Aim of the exercise =
Search the records for the string "Steel", and show each line where it appears.

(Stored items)
#####

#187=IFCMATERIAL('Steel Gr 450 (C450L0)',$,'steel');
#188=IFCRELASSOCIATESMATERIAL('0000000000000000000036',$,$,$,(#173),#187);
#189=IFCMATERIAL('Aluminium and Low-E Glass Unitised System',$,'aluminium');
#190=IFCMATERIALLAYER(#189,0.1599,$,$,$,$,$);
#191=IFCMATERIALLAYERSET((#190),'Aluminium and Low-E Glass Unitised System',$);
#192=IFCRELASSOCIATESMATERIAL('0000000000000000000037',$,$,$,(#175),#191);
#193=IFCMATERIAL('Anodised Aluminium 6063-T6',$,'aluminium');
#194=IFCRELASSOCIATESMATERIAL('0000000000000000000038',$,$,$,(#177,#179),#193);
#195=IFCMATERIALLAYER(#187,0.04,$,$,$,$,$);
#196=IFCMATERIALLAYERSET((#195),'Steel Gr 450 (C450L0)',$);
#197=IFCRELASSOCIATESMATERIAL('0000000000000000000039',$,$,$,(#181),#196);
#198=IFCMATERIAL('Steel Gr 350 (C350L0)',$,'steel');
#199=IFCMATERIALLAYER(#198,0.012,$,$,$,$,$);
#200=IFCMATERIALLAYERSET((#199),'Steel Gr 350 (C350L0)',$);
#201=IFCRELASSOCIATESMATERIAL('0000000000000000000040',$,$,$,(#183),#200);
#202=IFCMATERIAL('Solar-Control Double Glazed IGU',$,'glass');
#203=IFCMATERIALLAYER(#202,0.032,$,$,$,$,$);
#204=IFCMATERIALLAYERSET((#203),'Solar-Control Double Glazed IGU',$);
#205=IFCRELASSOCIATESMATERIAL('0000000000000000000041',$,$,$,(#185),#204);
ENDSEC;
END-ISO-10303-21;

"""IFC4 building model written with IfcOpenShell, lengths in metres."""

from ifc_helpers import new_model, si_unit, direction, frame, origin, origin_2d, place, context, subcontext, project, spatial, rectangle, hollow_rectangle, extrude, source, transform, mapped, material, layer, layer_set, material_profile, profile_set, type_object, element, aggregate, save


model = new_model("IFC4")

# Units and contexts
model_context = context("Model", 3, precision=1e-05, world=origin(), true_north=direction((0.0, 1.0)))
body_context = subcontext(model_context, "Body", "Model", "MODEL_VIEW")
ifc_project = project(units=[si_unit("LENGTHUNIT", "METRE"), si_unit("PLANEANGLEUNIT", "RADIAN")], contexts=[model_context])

#####

Answer to this problem =
#187=IFCMATERIAL('Steel Gr 450 (C450L0)',$,'steel');
#196=IFCMATERIALLAYERSET((#195),'Steel Gr 450 (C450L0)',$);
#198=IFCMATERIAL('Steel Gr 350 (C350L0)',$,'steel');
#200=IFCMATERIALLAYERSET((#199),'Steel Gr 350 (C350L0)',$);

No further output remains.